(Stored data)
★ ★ ★ ★
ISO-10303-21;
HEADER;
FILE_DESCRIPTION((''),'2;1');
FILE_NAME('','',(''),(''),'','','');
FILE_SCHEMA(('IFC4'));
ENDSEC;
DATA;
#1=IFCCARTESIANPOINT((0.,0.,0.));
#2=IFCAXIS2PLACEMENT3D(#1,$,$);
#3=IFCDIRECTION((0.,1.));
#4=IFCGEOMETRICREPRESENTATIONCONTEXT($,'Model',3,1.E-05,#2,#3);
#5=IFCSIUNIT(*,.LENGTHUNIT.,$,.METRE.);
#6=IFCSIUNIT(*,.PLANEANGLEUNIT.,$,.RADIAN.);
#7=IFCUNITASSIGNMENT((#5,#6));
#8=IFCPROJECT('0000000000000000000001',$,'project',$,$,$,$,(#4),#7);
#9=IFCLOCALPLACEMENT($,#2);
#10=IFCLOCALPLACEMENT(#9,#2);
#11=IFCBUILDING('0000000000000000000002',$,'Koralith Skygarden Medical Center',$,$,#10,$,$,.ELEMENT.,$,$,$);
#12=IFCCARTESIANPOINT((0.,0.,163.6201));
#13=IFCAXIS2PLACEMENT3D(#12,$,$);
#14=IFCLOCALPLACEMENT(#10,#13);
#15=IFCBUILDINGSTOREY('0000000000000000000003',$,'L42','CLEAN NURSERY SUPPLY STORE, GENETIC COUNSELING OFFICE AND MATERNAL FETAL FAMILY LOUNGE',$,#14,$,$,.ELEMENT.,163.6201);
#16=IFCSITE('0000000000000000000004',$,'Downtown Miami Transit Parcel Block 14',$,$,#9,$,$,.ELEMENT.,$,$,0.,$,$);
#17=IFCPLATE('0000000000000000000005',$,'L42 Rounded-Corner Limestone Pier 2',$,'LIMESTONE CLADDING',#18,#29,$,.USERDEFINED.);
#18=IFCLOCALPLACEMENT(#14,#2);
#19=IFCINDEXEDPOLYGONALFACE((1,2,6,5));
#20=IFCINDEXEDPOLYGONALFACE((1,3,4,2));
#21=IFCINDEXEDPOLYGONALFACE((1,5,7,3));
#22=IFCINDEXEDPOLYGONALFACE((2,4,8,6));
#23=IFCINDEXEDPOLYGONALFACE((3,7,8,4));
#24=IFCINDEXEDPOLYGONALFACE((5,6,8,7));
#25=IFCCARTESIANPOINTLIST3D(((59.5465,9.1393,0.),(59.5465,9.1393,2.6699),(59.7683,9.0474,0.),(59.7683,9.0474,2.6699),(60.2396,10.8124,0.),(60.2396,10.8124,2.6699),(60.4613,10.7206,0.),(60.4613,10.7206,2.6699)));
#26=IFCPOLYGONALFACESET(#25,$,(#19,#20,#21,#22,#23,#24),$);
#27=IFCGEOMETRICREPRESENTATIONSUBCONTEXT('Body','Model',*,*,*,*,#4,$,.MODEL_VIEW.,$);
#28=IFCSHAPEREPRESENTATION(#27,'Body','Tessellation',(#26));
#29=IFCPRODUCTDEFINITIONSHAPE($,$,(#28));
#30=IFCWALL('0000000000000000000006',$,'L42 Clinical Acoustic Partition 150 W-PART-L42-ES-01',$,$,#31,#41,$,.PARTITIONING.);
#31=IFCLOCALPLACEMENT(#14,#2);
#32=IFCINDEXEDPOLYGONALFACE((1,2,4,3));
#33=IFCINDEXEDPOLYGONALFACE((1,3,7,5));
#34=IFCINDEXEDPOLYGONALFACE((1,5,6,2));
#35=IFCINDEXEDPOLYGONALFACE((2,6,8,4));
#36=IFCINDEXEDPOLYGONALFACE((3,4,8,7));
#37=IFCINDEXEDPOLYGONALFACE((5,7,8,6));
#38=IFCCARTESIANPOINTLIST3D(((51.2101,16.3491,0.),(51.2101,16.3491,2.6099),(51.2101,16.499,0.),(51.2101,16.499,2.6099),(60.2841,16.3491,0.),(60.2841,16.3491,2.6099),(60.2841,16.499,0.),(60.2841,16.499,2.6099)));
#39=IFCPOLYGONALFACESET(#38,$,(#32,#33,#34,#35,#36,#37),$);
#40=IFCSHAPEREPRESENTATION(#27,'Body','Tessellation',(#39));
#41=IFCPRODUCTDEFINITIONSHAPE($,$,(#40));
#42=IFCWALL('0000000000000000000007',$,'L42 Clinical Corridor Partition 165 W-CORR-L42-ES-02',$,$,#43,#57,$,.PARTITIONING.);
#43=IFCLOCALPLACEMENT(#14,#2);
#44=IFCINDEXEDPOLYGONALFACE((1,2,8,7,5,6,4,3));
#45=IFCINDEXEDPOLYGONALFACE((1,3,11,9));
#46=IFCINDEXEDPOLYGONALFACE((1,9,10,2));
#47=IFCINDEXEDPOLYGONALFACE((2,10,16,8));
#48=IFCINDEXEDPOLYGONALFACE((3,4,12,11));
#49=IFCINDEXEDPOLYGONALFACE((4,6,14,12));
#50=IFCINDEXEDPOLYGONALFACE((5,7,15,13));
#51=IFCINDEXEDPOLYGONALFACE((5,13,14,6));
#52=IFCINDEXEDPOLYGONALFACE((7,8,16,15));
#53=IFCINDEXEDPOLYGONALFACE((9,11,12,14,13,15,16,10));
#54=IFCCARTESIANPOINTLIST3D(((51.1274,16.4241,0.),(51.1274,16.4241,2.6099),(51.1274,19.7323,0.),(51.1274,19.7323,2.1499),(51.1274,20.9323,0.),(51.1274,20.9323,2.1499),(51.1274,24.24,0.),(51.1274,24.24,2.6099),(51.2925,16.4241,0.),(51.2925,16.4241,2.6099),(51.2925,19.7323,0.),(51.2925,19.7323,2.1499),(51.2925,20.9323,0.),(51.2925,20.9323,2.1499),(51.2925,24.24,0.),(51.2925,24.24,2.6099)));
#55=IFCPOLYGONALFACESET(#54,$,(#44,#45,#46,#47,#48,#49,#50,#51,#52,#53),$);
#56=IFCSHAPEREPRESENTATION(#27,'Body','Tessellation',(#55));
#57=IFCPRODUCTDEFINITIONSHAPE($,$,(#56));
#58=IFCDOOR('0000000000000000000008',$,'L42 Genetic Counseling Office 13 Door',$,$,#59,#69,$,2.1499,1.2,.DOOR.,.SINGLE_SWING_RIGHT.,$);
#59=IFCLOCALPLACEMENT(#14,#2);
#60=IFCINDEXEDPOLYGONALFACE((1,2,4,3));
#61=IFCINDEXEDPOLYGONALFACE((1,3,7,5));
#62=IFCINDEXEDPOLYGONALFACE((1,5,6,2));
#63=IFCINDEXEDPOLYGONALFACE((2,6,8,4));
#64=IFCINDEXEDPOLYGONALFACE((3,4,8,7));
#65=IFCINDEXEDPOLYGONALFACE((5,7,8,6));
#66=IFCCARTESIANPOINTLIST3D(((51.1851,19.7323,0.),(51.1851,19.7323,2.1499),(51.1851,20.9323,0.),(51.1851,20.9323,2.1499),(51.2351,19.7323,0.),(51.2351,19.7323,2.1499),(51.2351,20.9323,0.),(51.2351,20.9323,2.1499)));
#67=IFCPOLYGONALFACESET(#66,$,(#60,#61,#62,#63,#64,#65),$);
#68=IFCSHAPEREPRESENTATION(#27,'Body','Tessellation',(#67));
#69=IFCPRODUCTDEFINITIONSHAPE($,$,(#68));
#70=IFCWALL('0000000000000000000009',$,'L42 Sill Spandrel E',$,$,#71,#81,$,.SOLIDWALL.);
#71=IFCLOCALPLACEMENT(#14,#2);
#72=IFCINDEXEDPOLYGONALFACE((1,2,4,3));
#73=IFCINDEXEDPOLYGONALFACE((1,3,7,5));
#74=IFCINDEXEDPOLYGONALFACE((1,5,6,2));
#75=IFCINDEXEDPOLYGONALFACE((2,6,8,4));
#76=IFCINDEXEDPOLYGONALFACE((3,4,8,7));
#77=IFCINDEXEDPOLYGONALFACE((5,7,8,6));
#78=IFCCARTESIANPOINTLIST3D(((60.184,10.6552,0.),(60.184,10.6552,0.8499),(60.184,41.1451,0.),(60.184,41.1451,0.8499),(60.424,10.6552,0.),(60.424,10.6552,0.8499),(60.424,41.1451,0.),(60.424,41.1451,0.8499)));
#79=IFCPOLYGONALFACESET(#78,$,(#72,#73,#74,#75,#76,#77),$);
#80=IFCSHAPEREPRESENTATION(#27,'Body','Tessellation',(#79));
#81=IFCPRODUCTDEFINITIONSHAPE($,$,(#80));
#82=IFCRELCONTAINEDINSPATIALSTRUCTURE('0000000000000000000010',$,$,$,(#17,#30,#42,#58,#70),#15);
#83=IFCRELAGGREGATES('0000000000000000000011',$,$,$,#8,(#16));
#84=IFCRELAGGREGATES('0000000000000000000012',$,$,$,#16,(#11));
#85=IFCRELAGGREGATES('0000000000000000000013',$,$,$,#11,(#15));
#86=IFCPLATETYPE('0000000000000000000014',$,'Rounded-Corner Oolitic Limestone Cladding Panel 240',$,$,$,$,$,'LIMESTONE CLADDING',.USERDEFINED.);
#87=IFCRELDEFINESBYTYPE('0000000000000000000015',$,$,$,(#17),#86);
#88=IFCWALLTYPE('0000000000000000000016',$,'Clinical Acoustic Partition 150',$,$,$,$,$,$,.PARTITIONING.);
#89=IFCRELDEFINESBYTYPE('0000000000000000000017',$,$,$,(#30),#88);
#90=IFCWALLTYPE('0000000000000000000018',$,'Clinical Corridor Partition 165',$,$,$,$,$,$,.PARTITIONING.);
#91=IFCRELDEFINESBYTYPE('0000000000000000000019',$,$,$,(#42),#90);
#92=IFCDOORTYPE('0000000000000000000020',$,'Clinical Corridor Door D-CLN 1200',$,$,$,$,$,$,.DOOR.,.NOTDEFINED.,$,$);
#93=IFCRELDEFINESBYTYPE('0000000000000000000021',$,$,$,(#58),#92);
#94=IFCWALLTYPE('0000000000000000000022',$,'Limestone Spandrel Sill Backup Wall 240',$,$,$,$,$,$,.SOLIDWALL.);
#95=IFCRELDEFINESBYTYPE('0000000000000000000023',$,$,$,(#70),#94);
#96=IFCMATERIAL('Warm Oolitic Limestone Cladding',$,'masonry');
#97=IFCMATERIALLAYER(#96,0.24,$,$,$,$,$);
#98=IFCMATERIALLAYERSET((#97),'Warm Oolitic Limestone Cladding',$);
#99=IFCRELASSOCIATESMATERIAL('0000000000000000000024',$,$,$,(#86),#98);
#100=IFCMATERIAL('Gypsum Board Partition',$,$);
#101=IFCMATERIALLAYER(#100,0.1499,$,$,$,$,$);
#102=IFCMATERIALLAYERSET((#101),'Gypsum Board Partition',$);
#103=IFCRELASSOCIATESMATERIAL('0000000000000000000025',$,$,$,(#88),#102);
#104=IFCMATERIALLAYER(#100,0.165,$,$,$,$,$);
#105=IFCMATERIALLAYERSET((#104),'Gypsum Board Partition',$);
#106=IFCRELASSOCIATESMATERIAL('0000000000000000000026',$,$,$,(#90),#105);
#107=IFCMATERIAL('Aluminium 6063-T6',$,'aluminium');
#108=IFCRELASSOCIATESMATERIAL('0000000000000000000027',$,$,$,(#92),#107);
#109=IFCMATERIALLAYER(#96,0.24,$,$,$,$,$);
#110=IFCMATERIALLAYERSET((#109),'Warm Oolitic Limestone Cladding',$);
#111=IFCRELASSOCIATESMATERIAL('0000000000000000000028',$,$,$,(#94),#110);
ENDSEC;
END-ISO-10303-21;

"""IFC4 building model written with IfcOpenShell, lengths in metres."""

from ifc_helpers import new_model, si_unit, direction, frame, frame_2d, origin, origin_2d, place, context, subcontext, project, spatial, rectangle, extrude, material, layer, layer_set, type_object, element, fill, save


model = new_model("IFC4")

# Units and contexts
model_context = context("Model", 3, precision=1e-05, world=origin(), true_north=direction((0.0, 1.0)))
body_context = subcontext(model_context, "Body", "Model", "MODEL_VIEW")
ifc_project = project(units=[si_unit("LENGTHUNIT", "METRE"), si_unit("PLANEANGLEUNIT", "RADIAN")], contexts=[model_context])

# Site, building, storey
site_placement = place(None, origin())
site = spatial("IfcSite", under=ifc_project, at=site_placement, Name="Downtown Miami Transit Parcel Block 14", CompositionType="ELEMENT", RefElevation=0.0)
building_placement = place(site_placement, origin())
building = spatial("IfcBuilding", under=site, at=building_placement, Name="Koralith Skygarden Medical Center", CompositionType="ELEMENT")
storey_placement = place(building_placement, frame((0.0, 0.0, 163.6201)))
storey = spatial("IfcBuildingStorey", under=building, at=storey_placement, Name="L42", Description="CLEAN NURSERY SUPPLY STORE, GENETIC COUNSELING OFFICE AND MATERNAL FETAL FAMILY LOUNGE", CompositionType="ELEMENT", Elevation=163.6201)

# Shared definitions
ifc_material_1 = material(Name="Aluminium 6063-T6", Category="aluminium")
★ ★ ★ ★
WHAT IS NEEDED: From the entries above, extract only the lines running from the one containing "FILE_SCHEMA(('IFC4'));" through the one containing "#29=IFCPRODUCTDEFINITIONSHAPE($,$,(#28));", inclusive.

RESPONSE BOX:
FILE_SCHEMA(('IFC4'));
ENDSEC;
DATA;
#1=IFCCARTESIANPOINT((0.,0.,0.));
#2=IFCAXIS2PLACEMENT3D(#1,$,$);
#3=IFCDIRECTION((0.,1.));
#4=IFCGEOMETRICREPRESENTATIONCONTEXT($,'Model',3,1.E-05,#2,#3);
#5=IFCSIUNIT(*,.LENGTHUNIT.,$,.METRE.);
#6=IFCSIUNIT(*,.PLANEANGLEUNIT.,$,.RADIAN.);
#7=IFCUNITASSIGNMENT((#5,#6));
#8=IFCPROJECT('0000000000000000000001',$,'project',$,$,$,$,(#4),#7);
#9=IFCLOCALPLACEMENT($,#2);
#10=IFCLOCALPLACEMENT(#9,#2);
#11=IFCBUILDING('0000000000000000000002',$,'Koralith Skygarden Medical Center',$,$,#10,$,$,.ELEMENT.,$,$,$);
#12=IFCCARTESIANPOINT((0.,0.,163.6201));
#13=IFCAXIS2PLACEMENT3D(#12,$,$);
#14=IFCLOCALPLACEMENT(#10,#13);
#15=IFCBUILDINGSTOREY('0000000000000000000003',$,'L42','CLEAN NURSERY SUPPLY STORE, GENETIC COUNSELING OFFICE AND MATERNAL FETAL FAMILY LOUNGE',$,#14,$,$,.ELEMENT.,163.6201);
#16=IFCSITE('0000000000000000000004',$,'Downtown Miami Transit Parcel Block 14',$,$,#9,$,$,.ELEMENT.,$,$,0.,$,$);
#17=IFCPLATE('0000000000000000000005',$,'L42 Rounded-Corner Limestone Pier 2',$,'LIMESTONE CLADDING',#18,#29,$,.USERDEFINED.);
#18=IFCLOCALPLACEMENT(#14,#2);
#19=IFCINDEXEDPOLYGONALFACE((1,2,6,5));
#20=IFCINDEXEDPOLYGONALFACE((1,3,4,2));
#21=IFCINDEXEDPOLYGONALFACE((1,5,7,3));
#22=IFCINDEXEDPOLYGONALFACE((2,4,8,6));
#23=IFCINDEXEDPOLYGONALFACE((3,7,8,4));
#24=IFCINDEXEDPOLYGONALFACE((5,6,8,7));
#25=IFCCARTESIANPOINTLIST3D(((59.5465,9.1393,0.),(59.5465,9.1393,2.6699),(59.7683,9.0474,0.),(59.7683,9.0474,2.6699),(60.2396,10.8124,0.),(60.2396,10.8124,2.6699),(60.4613,10.7206,0.),(60.4613,10.7206,2.6699)));
#26=IFCPOLYGONALFACESET(#25,$,(#19,#20,#21,#22,#23,#24),$);
#27=IFCGEOMETRICREPRESENTATIONSUBCONTEXT('Body','Model',*,*,*,*,#4,$,.MODEL_VIEW.,$);
#28=IFCSHAPEREPRESENTATION(#27,'Body','Tessellation',(#26));
#29=IFCPRODUCTDEFINITIONSHAPE($,$,(#28));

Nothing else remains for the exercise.